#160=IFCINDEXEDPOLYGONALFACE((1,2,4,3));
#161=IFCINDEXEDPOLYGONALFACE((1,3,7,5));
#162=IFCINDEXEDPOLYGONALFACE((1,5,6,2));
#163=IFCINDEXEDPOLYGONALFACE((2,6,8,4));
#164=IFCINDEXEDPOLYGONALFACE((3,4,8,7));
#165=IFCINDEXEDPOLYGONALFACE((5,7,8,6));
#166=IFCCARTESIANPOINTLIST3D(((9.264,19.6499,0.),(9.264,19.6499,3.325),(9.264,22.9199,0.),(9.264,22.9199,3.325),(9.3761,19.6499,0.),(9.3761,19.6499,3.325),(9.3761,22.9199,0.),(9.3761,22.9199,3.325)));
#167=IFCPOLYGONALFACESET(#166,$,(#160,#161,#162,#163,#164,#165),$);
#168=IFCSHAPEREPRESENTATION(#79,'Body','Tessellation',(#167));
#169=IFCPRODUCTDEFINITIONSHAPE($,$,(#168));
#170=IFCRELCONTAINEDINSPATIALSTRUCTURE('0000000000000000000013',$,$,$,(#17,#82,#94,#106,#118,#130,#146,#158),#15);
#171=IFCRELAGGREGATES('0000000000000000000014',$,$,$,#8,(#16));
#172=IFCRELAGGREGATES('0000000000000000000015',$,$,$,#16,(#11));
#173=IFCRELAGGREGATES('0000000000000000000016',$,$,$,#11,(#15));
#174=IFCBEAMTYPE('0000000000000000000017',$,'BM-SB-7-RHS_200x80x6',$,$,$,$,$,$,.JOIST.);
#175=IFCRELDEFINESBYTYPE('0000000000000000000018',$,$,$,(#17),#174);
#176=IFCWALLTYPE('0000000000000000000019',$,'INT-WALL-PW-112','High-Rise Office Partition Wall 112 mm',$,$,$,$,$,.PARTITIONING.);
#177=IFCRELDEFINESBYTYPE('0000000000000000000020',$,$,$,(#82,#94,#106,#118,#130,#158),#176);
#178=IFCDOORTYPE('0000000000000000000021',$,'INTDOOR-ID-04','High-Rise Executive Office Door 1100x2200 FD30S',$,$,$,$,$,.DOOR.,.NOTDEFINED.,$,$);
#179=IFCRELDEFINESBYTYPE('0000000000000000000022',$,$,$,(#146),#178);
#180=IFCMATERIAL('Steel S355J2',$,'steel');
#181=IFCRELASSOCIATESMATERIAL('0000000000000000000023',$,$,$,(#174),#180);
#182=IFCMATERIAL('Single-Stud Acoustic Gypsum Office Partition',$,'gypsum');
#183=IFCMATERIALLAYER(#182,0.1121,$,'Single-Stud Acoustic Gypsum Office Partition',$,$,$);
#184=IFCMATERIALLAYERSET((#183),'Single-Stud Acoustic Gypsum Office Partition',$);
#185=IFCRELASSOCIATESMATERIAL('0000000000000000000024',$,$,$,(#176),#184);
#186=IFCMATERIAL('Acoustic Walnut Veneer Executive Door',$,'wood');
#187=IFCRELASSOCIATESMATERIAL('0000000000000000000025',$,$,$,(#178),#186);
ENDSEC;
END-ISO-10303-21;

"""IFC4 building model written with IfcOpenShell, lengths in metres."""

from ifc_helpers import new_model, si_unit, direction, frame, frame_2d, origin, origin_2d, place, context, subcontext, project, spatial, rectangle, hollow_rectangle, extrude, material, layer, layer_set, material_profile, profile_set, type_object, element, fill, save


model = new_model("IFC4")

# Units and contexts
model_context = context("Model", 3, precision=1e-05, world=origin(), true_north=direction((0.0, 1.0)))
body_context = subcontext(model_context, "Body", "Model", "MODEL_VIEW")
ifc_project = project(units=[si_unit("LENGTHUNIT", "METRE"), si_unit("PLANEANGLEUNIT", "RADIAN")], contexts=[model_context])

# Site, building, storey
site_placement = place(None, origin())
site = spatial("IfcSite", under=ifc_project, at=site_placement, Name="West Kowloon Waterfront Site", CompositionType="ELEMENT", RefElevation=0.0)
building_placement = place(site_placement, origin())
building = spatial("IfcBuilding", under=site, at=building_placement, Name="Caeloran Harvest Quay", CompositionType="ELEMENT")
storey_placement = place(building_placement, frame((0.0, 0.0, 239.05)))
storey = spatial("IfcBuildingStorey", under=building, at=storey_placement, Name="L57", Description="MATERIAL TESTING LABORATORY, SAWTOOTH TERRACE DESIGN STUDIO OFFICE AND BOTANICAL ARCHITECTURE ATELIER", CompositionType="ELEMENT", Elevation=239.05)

**BRIEF**:
Across all the records above, find each line with "IFCRELDEFINESBYTYPE" in it and copy it.

**REPLY TO THE EXERCISE**:
#175=IFCRELDEFINESBYTYPE('0000000000000000000018',$,$,$,(#17),#174);
#177=IFCRELDEFINESBYTYPE('0000000000000000000020',$,$,$,(#82,#94,#106,#118,#130,#158),#176);
#179=IFCRELDEFINESBYTYPE('0000000000000000000022',$,$,$,(#146),#178);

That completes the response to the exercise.